# [Goal of the exercise]
Each line below from the one containing "#40=IFCINDEXEDPOLYGONALFACE((5,7,8,6));" through the one containing "#69=IFCINDEXEDPOLYGONALFACE((5,7,8,6));" is to be given again exactly, and no line outside that span.

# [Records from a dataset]
• • • • • • •
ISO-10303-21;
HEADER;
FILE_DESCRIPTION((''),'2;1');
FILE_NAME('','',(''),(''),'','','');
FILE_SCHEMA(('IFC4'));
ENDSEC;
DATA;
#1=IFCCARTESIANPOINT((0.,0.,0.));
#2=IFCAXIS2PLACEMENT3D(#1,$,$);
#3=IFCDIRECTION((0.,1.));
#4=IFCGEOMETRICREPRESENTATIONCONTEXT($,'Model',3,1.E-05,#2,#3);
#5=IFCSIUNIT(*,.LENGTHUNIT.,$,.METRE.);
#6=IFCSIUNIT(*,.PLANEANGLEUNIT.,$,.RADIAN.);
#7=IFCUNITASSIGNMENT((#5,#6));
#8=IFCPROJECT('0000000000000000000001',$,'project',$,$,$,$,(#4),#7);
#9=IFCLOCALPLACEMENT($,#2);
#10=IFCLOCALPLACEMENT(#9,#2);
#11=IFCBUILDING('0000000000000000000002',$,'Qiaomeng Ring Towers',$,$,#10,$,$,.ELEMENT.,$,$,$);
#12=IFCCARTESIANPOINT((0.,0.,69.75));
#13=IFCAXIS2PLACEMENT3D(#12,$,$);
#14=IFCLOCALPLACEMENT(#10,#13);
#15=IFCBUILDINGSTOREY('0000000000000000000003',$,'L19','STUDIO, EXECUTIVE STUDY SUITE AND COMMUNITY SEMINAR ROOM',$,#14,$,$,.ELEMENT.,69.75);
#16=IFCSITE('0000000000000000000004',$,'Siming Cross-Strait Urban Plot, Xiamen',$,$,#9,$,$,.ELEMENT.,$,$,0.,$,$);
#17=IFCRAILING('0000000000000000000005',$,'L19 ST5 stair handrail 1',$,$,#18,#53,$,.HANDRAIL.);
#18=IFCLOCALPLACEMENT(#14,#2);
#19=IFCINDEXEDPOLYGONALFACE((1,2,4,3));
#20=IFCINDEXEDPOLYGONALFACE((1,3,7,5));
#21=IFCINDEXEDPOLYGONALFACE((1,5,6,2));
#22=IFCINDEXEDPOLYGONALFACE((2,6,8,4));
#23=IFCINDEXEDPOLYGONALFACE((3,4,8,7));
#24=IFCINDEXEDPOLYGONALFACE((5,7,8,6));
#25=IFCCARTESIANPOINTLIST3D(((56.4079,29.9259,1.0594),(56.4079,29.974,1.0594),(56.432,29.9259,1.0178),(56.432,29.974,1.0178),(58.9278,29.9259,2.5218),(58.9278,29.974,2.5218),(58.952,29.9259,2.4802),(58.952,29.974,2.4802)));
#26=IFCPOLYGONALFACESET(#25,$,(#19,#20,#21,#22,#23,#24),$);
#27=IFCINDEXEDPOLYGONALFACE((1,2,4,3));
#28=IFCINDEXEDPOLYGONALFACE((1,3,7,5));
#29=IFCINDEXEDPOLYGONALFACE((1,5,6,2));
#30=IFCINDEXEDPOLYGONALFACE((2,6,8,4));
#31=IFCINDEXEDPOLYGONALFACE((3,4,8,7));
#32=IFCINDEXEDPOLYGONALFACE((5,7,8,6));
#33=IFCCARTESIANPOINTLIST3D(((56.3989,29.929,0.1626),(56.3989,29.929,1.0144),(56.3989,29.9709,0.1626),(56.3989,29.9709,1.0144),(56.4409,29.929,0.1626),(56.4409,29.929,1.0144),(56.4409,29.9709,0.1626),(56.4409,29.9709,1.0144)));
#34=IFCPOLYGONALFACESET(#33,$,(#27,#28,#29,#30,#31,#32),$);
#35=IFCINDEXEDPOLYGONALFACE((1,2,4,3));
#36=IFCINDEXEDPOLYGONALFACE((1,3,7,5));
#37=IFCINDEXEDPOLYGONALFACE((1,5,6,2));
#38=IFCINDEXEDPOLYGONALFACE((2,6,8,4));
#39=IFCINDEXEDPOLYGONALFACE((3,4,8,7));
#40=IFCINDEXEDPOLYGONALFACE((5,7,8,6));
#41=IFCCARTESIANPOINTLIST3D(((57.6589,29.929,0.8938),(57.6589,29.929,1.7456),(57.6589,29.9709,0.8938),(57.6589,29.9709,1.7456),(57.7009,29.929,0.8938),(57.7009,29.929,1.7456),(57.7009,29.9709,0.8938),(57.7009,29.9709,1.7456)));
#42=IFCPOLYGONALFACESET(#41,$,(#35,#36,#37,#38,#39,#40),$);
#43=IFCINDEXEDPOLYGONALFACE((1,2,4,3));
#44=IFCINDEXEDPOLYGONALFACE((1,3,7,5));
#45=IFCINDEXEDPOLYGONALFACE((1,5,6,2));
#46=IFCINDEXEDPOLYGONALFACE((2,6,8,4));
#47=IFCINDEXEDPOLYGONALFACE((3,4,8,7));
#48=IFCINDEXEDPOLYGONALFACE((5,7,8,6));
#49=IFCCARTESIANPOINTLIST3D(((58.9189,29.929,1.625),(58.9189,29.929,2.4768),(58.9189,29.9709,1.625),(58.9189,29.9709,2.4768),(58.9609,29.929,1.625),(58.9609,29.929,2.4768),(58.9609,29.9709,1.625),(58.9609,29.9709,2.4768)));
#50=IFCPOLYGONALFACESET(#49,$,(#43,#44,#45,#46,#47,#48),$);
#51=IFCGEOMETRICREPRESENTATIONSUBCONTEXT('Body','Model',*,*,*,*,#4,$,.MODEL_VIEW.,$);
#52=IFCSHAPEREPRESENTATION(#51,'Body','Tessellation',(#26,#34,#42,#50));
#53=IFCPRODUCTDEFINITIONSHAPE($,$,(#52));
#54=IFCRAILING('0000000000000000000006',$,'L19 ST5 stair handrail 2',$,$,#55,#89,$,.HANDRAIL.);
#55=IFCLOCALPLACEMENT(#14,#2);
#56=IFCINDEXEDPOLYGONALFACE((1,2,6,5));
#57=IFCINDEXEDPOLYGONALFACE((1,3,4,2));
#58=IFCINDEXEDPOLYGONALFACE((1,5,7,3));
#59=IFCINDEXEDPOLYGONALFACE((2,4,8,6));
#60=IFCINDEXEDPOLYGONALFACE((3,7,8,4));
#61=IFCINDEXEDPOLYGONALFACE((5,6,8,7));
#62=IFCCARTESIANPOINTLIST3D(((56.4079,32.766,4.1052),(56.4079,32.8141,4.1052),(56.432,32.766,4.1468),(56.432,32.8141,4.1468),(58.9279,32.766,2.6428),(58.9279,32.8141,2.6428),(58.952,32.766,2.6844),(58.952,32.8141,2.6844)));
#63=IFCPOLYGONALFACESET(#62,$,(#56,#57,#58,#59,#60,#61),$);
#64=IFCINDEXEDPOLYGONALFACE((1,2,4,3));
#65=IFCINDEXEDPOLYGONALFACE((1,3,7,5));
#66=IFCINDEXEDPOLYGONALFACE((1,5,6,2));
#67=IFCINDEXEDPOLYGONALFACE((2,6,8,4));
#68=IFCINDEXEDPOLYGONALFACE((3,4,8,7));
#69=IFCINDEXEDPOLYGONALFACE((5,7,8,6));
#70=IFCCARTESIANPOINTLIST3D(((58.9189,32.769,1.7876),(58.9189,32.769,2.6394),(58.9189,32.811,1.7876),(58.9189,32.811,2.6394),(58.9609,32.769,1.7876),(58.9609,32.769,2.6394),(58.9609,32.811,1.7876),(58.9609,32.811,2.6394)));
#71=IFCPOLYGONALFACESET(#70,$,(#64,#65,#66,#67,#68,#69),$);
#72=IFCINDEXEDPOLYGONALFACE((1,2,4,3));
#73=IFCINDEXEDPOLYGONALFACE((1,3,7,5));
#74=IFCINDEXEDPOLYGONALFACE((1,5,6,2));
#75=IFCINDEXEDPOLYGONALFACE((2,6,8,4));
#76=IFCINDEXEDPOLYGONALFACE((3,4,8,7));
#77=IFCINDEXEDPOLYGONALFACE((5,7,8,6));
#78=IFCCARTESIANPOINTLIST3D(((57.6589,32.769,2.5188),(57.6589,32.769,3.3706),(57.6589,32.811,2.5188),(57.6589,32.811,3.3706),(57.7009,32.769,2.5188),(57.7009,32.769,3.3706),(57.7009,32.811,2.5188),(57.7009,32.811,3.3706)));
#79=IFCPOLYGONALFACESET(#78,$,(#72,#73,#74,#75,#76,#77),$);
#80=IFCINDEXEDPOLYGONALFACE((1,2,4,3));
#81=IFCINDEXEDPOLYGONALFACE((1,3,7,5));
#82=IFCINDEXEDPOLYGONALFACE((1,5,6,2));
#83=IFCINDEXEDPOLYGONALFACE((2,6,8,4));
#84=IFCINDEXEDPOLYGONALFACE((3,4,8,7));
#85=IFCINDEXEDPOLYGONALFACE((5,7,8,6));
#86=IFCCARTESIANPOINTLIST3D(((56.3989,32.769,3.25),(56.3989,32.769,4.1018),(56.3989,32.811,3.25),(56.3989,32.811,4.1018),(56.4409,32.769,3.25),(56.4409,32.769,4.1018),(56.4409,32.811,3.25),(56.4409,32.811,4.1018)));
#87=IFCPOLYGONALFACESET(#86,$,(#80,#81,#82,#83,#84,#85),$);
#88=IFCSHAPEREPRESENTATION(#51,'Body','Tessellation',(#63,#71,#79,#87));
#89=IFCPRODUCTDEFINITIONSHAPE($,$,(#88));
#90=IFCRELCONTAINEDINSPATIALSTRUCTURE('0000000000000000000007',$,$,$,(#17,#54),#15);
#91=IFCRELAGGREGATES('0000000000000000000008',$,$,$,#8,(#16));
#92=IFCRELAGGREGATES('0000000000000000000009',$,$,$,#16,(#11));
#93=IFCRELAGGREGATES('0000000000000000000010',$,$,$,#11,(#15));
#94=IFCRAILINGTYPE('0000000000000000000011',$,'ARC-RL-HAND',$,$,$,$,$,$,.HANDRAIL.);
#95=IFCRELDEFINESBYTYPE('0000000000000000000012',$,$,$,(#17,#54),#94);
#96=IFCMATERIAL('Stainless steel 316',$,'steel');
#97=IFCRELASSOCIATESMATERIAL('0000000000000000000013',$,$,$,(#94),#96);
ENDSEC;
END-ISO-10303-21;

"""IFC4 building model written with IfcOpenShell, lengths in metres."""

from ifc_helpers import new_model, si_unit, direction, frame, origin, origin_2d, place, context, subcontext, project, spatial, rectangle, extrude, material, type_object, element, save


model = new_model("IFC4")

# Units and contexts
model_context = context("Model", 3, precision=1e-05, world=origin(), true_north=direction((0.0, 1.0)))
body_context = subcontext(model_context, "Body", "Model", "MODEL_VIEW")
ifc_project = project(units=[si_unit("LENGTHUNIT", "METRE"), si_unit("PLANEANGLEUNIT", "RADIAN")], contexts=[model_context])

# Site, building, storey
site_placement = place(None, origin())
site = spatial("IfcSite", under=ifc_project, at=site_placement, Name="Siming Cross-Strait Urban Plot, Xiamen", CompositionType="ELEMENT", RefElevation=0.0)
building_placement = place(site_placement, origin())
building = spatial("IfcBuilding", under=site, at=building_placement, Name="Qiaomeng Ring Towers", CompositionType="ELEMENT")
storey_placement = place(building_placement, frame((0.0, 0.0, 69.75)))
storey = spatial("IfcBuildingStorey", under=building, at=storey_placement, Name="L19", Description="STUDIO, EXECUTIVE STUDY SUITE AND COMMUNITY SEMINAR ROOM", CompositionType="ELEMENT", Elevation=69.75)

# Railings
ifc_material_1 = material(Name="Stainless steel 316", Category="steel")
railing_type_1 = type_object("IfcRailingType", Name="ARC-RL-HAND", PredefinedType="HANDRAIL", material=ifc_material_1)
railing_1_placement = place(storey_placement, frame((56.4199, 29.95, 0.1626)))
element("IfcRailing", 1, at=railing_1_placement, inside=storey, type_object=railing_type_1, Name="L19 ST5 stair handrail 1", PredefinedType="HANDRAIL", context=body_context, shape_type="SweptSolid", body=[
    extrude(rectangle(XDim=0.0481, YDim=0.0481, at=origin_2d()), frame((0.0, 0.0, 0.876), z_axis=(0.864913, 0.0, 0.501921), x_axis=(0.0, 1.0, 0.0)), (0.0, 0.0, 1.0), 2.9136),
    extrude(rectangle(XDim=0.042, YDim=0.042, at=origin_2d()), origin(), (0.0, 0.0, 1.0), 0.8518),
    extrude(rectangle(XDim=0.042, YDim=0.042, at=origin_2d()), frame((1.26, 0.0, 0.7312)), (0.0, 0.0, 1.0), 0.8518),
    extrude(rectangle(XDim=0.042, YDim=0.042, at=origin_2d()), frame((2.52, 0.0, 1.4624)), (0.0, 0.0, 1.0), 0.8518),
])
railing_2_placement = place(storey_placement, frame((58.9399, 32.79, 1.7876)))
element("IfcRailing", 2, at=railing_2_placement, inside=storey, type_object=railing_type_1, Name="L19 ST5 stair handrail 2", PredefinedType="HANDRAIL", context=body_context, shape_type="SweptSolid", body=[
    extrude(rectangle(XDim=0.0481, YDim=0.0481, at=origin_2d()), frame((0.0, 0.0, 0.876), z_axis=(-0.864913, 0.0, 0.501921), x_axis=(0.0, -1.0, 0.0)), (0.0, 0.0, 1.0), 2.9136),
    extrude(rectangle(XDim=0.042, YDim=0.042, at=origin_2d()), origin(), (0.0, 0.0, 1.0), 0.8518),
    extrude(rectangle(XDim=0.042, YDim=0.042, at=origin_2d()), frame((-1.26, 0.0, 0.7312)), (0.0, 0.0, 1.0), 0.8518),
    extrude(rectangle(XDim=0.042, YDim=0.042, at=origin_2d()), frame((-2.52, 0.0, 1.4624)), (0.0, 0.0, 1.0), 0.8518),
])

save(model, "model.ifc")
• • • • • • •
# [Answer]
#40=IFCINDEXEDPOLYGONALFACE((5,7,8,6));
#41=IFCCARTESIANPOINTLIST3D(((57.6589,29.929,0.8938),(57.6589,29.929,1.7456),(57.6589,29.9709,0.8938),(57.6589,29.9709,1.7456),(57.7009,29.929,0.8938),(57.7009,29.929,1.7456),(57.7009,29.9709,0.8938),(57.7009,29.9709,1.7456)));
#42=IFCPOLYGONALFACESET(#41,$,(#35,#36,#37,#38,#39,#40),$);
#43=IFCINDEXEDPOLYGONALFACE((1,2,4,3));
#44=IFCINDEXEDPOLYGONALFACE((1,3,7,5));
#45=IFCINDEXEDPOLYGONALFACE((1,5,6,2));
#46=IFCINDEXEDPOLYGONALFACE((2,6,8,4));
#47=IFCINDEXEDPOLYGONALFACE((3,4,8,7));
#48=IFCINDEXEDPOLYGONALFACE((5,7,8,6));
#49=IFCCARTESIANPOINTLIST3D(((58.9189,29.929,1.625),(58.9189,29.929,2.4768),(58.9189,29.9709,1.625),(58.9189,29.9709,2.4768),(58.9609,29.929,1.625),(58.9609,29.929,2.4768),(58.9609,29.9709,1.625),(58.9609,29.9709,2.4768)));
#50=IFCPOLYGONALFACESET(#49,$,(#43,#44,#45,#46,#47,#48),$);
#51=IFCGEOMETRICREPRESENTATIONSUBCONTEXT('Body','Model',*,*,*,*,#4,$,.MODEL_VIEW.,$);
#52=IFCSHAPEREPRESENTATION(#51,'Body','Tessellation',(#26,#34,#42,#50));
#53=IFCPRODUCTDEFINITIONSHAPE($,$,(#52));
#54=IFCRAILING('0000000000000000000006',$,'L19 ST5 stair handrail 2',$,$,#55,#89,$,.HANDRAIL.);
#55=IFCLOCALPLACEMENT(#14,#2);
#56=IFCINDEXEDPOLYGONALFACE((1,2,6,5));
#57=IFCINDEXEDPOLYGONALFACE((1,3,4,2));
#58=IFCINDEXEDPOLYGONALFACE((1,5,7,3));
#59=IFCINDEXEDPOLYGONALFACE((2,4,8,6));
#60=IFCINDEXEDPOLYGONALFACE((3,7,8,4));
#61=IFCINDEXEDPOLYGONALFACE((5,6,8,7));
#62=IFCCARTESIANPOINTLIST3D(((56.4079,32.766,4.1052),(56.4079,32.8141,4.1052),(56.432,32.766,4.1468),(56.432,32.8141,4.1468),(58.9279,32.766,2.6428),(58.9279,32.8141,2.6428),(58.952,32.766,2.6844),(58.952,32.8141,2.6844)));
#63=IFCPOLYGONALFACESET(#62,$,(#56,#57,#58,#59,#60,#61),$);
#64=IFCINDEXEDPOLYGONALFACE((1,2,4,3));
#65=IFCINDEXEDPOLYGONALFACE((1,3,7,5));
#66=IFCINDEXEDPOLYGONALFACE((1,5,6,2));
#67=IFCINDEXEDPOLYGONALFACE((2,6,8,4));
#68=IFCINDEXEDPOLYGONALFACE((3,4,8,7));
#69=IFCINDEXEDPOLYGONALFACE((5,7,8,6));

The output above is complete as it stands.